Task requirements.
Below are records; reproduce exactly the lines from the one that has "#141=IFCINDEXEDPOLYGONALFACE((1,3,7,5));" through the one that has "#145=IFCINDEXEDPOLYGONALFACE((5,7,8,6));", ends included, and nothing more.

[[ Exercise material, beginning ]]

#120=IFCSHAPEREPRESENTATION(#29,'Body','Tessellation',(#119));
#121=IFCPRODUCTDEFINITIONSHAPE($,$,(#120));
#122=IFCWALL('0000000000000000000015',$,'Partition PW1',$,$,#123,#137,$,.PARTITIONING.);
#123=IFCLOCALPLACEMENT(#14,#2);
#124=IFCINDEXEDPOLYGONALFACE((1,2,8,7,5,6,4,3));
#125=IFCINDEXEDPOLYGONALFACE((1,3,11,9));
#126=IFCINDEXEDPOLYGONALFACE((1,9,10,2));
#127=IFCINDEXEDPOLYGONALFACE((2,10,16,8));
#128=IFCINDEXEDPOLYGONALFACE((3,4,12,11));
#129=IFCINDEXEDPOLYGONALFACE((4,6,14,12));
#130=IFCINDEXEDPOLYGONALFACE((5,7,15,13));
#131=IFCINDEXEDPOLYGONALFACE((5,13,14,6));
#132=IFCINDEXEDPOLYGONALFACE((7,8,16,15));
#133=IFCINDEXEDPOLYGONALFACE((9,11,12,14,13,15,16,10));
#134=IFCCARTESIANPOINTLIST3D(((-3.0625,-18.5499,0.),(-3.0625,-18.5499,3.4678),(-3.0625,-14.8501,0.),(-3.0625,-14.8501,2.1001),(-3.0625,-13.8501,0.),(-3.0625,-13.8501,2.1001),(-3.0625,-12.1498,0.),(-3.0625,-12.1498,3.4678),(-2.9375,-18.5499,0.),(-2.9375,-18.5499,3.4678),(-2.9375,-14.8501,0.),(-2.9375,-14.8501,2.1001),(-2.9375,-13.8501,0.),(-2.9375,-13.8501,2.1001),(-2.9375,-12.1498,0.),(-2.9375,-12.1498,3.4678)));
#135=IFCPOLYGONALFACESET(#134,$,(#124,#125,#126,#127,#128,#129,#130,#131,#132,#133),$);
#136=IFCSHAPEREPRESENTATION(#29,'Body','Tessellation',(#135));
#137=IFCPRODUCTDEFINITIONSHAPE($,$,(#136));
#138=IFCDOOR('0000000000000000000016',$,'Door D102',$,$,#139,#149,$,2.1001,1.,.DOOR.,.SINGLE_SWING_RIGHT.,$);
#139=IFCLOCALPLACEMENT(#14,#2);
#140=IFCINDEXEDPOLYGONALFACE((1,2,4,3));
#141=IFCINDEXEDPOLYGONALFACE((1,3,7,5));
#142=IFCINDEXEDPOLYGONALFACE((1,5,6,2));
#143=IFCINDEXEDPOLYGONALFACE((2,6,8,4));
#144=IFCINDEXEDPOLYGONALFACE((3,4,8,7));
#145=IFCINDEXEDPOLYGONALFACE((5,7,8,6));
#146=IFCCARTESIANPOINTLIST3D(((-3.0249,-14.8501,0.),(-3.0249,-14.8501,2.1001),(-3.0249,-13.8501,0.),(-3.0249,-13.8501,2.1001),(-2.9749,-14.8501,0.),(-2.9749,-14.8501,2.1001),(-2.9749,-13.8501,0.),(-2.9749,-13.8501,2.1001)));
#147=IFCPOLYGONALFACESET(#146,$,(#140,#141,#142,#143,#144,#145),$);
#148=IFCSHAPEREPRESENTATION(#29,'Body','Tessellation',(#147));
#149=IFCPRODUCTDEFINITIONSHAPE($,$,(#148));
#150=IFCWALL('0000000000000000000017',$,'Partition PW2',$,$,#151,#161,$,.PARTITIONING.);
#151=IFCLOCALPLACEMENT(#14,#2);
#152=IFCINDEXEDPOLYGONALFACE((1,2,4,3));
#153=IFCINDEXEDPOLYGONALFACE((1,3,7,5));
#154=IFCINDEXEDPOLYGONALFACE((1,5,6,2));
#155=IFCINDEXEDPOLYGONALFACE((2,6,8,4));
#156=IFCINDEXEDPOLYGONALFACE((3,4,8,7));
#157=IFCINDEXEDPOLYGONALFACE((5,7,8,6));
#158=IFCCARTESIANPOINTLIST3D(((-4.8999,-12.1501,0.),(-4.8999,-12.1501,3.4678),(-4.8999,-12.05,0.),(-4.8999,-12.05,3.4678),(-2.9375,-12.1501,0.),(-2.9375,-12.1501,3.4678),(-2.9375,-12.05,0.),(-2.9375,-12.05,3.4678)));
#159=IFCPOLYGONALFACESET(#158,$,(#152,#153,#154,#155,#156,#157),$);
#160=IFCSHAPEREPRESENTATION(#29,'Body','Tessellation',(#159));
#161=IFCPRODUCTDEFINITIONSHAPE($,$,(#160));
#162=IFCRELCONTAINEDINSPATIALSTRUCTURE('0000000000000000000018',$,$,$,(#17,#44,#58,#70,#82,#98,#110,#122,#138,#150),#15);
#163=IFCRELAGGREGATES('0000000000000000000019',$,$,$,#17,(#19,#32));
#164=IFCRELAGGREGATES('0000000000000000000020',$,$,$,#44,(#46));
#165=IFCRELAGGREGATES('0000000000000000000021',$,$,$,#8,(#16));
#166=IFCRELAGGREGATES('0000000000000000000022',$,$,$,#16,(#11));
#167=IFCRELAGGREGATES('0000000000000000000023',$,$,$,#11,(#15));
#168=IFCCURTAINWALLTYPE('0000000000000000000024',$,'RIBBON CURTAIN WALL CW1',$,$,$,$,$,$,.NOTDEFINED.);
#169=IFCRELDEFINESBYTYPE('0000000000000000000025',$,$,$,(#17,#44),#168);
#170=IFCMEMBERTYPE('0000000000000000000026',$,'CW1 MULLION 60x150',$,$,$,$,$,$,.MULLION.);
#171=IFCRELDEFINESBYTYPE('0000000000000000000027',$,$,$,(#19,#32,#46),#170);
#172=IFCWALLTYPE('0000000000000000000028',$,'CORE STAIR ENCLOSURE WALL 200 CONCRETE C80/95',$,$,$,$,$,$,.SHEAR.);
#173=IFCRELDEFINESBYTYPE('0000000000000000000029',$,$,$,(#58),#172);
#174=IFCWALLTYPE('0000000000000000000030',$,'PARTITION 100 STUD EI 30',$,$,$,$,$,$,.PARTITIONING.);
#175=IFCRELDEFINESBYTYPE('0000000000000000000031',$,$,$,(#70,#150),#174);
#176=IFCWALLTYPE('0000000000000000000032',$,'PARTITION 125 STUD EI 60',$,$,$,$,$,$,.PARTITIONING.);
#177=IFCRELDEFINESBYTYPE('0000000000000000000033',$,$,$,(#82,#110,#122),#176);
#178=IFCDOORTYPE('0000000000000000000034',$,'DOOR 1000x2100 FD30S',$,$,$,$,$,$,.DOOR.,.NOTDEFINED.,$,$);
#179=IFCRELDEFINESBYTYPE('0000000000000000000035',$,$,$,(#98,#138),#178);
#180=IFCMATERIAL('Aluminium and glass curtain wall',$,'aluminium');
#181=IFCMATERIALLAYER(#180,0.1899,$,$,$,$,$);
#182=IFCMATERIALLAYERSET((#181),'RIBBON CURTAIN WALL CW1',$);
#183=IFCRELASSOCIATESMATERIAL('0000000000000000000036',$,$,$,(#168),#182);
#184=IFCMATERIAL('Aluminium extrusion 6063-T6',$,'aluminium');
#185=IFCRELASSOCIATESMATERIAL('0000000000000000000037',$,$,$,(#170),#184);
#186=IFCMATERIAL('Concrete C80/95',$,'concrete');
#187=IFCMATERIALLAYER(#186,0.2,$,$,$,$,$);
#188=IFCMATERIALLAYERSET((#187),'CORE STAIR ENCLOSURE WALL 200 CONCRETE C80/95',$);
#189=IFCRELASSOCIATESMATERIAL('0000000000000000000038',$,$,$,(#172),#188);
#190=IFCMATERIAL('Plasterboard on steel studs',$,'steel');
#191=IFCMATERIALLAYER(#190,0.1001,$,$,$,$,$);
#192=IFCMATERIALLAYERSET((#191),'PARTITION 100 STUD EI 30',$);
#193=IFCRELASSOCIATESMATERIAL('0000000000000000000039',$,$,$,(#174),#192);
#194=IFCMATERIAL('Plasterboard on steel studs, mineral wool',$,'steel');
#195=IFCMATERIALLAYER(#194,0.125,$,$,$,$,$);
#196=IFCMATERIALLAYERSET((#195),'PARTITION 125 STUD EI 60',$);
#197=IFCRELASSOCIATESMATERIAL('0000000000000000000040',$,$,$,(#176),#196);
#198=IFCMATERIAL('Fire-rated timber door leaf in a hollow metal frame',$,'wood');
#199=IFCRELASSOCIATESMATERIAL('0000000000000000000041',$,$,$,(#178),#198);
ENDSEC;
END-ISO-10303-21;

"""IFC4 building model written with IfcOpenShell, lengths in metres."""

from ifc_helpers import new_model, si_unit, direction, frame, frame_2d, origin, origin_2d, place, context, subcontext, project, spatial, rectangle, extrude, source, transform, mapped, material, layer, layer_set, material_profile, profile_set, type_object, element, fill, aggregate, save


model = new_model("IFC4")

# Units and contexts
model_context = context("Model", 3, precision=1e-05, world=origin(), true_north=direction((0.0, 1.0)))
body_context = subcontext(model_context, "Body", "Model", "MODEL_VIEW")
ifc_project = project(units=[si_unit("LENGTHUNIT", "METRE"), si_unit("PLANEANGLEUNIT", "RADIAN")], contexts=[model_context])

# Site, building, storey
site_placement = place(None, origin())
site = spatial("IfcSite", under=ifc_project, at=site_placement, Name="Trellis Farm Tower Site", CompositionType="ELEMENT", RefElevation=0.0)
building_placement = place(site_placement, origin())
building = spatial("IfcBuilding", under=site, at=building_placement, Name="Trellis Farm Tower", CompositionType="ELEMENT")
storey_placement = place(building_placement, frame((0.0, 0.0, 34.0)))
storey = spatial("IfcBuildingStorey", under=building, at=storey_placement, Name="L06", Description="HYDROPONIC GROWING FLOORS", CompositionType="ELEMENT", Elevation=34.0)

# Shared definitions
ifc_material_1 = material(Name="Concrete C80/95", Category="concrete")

[[ Exercise material, end ]]

Problem solution.
#141=IFCINDEXEDPOLYGONALFACE((1,3,7,5));
#142=IFCINDEXEDPOLYGONALFACE((1,5,6,2));
#143=IFCINDEXEDPOLYGONALFACE((2,6,8,4));
#144=IFCINDEXEDPOLYGONALFACE((3,4,8,7));
#145=IFCINDEXEDPOLYGONALFACE((5,7,8,6));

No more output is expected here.